**WORK ITEM**. Please return the lines below verbatim, beginning at the one that has "#136=IFCINDEXEDPOLYGONALFACE((9,10,12,11));" and stopping after the one that has "#137=IFCINDEXEDPOLYGONALFACE((13,15,16,14));", and add no other lines.

**EXTRACTED MATERIAL**.
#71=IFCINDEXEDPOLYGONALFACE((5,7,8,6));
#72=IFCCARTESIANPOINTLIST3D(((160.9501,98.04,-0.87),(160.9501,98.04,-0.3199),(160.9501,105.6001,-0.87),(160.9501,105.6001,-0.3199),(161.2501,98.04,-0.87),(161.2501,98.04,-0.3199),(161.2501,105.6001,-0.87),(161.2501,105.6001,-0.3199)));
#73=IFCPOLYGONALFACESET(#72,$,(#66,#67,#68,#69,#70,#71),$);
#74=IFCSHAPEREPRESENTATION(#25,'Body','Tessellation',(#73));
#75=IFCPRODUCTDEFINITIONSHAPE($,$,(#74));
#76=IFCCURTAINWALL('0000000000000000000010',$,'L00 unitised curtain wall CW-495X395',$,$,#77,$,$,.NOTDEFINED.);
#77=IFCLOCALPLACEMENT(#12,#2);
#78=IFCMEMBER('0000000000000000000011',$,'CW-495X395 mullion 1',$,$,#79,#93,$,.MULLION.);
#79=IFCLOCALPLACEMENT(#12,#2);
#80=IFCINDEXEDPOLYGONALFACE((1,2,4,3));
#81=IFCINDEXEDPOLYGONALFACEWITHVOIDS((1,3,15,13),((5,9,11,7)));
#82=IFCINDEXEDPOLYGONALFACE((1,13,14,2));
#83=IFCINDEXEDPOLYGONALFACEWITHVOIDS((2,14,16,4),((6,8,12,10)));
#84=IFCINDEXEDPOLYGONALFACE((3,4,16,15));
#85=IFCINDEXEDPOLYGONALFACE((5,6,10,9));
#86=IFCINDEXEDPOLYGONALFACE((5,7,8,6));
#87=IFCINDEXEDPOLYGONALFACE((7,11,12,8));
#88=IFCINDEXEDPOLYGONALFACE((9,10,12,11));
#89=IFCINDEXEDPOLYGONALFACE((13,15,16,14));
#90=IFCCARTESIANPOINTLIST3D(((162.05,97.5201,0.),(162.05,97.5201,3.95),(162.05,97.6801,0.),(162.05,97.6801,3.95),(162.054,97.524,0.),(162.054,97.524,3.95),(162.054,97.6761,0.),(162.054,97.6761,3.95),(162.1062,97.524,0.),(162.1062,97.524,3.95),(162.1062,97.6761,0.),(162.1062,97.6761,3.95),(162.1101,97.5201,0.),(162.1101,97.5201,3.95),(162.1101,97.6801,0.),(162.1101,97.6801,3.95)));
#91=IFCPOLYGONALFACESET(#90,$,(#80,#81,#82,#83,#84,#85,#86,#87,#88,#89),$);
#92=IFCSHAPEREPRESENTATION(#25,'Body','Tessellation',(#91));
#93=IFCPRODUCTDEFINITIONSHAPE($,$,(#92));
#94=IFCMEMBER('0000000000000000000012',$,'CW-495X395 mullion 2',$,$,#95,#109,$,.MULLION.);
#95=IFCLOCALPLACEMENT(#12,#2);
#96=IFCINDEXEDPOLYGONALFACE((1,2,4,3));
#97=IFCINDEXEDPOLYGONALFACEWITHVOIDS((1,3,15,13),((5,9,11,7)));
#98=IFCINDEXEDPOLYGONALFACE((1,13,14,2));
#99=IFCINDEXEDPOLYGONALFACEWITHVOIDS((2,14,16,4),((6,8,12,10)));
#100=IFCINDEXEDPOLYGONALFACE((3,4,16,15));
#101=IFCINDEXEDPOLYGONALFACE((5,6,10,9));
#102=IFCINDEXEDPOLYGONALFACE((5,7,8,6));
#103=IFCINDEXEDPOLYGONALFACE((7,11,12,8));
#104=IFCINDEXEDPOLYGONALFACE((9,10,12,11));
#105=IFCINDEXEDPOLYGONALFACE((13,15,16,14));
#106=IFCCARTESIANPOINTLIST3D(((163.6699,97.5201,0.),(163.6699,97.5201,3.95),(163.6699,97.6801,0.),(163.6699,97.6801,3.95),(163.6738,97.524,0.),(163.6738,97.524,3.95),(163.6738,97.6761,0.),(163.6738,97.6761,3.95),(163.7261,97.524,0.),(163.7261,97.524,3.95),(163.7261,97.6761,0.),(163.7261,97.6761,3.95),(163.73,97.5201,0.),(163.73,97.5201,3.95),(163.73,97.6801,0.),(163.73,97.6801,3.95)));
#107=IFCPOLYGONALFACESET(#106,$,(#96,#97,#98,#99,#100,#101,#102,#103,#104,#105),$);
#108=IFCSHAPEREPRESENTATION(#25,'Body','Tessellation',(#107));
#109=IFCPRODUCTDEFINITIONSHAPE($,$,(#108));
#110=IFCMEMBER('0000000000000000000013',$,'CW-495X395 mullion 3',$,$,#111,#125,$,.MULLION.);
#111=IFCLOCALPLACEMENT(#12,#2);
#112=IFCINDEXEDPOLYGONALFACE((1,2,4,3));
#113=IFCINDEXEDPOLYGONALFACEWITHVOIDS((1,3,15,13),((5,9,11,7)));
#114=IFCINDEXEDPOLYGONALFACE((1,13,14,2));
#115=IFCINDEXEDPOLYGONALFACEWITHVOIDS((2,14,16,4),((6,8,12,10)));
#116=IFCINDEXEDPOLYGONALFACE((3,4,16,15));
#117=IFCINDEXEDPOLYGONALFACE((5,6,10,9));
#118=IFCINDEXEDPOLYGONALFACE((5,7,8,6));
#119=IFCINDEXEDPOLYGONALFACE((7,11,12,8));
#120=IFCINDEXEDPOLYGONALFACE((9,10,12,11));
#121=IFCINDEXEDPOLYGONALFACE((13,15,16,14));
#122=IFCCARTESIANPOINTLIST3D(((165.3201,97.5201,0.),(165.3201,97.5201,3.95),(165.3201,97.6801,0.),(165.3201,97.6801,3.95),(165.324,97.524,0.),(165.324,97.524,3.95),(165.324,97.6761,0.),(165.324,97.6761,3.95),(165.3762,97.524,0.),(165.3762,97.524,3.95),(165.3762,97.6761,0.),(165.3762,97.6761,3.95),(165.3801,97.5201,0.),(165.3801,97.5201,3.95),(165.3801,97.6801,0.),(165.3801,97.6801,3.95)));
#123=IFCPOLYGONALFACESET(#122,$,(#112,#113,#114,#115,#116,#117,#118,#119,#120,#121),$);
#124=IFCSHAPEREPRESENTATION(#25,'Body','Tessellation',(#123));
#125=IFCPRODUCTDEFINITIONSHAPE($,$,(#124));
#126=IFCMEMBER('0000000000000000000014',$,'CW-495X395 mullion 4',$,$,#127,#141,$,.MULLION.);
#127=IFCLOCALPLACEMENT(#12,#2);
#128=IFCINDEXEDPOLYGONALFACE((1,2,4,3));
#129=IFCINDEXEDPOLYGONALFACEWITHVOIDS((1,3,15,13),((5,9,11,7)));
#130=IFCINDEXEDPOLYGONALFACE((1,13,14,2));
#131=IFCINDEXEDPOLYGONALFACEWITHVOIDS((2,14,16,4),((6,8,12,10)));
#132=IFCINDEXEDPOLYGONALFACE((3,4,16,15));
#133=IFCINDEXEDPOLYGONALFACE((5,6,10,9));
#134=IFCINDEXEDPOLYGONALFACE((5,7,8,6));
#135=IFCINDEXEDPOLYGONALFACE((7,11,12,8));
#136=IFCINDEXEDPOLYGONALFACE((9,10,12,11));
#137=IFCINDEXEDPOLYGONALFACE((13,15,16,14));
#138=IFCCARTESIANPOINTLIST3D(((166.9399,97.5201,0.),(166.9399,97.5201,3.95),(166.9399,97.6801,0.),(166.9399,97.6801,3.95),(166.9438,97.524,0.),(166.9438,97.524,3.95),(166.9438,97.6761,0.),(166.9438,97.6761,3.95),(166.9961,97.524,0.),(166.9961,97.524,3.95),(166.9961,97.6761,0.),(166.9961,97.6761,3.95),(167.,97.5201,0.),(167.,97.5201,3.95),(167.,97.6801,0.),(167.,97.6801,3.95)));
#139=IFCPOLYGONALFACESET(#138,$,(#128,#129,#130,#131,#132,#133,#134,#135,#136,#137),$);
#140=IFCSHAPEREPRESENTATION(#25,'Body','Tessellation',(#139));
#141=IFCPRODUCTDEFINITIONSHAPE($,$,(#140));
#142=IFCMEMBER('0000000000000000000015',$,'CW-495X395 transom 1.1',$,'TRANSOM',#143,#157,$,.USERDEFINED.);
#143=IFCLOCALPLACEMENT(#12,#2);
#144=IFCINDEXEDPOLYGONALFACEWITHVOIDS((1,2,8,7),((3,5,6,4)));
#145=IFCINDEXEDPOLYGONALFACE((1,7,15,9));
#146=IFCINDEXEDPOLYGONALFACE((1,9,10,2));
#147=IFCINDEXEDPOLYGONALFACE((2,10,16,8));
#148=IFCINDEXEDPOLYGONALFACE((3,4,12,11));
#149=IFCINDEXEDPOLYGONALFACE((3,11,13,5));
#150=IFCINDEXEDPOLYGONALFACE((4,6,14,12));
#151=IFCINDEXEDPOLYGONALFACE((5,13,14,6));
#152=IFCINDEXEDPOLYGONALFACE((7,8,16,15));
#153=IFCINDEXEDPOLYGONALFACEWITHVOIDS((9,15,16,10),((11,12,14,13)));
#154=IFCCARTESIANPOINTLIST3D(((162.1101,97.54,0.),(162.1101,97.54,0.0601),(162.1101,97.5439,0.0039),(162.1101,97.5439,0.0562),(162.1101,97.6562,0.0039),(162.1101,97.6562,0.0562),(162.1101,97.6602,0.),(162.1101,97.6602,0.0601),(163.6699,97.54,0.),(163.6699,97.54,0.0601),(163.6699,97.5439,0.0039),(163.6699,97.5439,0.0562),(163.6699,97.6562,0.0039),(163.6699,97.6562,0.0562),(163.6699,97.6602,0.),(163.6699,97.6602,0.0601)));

**YOUR SOLUTION**.
#136=IFCINDEXEDPOLYGONALFACE((9,10,12,11));
#137=IFCINDEXEDPOLYGONALFACE((13,15,16,14));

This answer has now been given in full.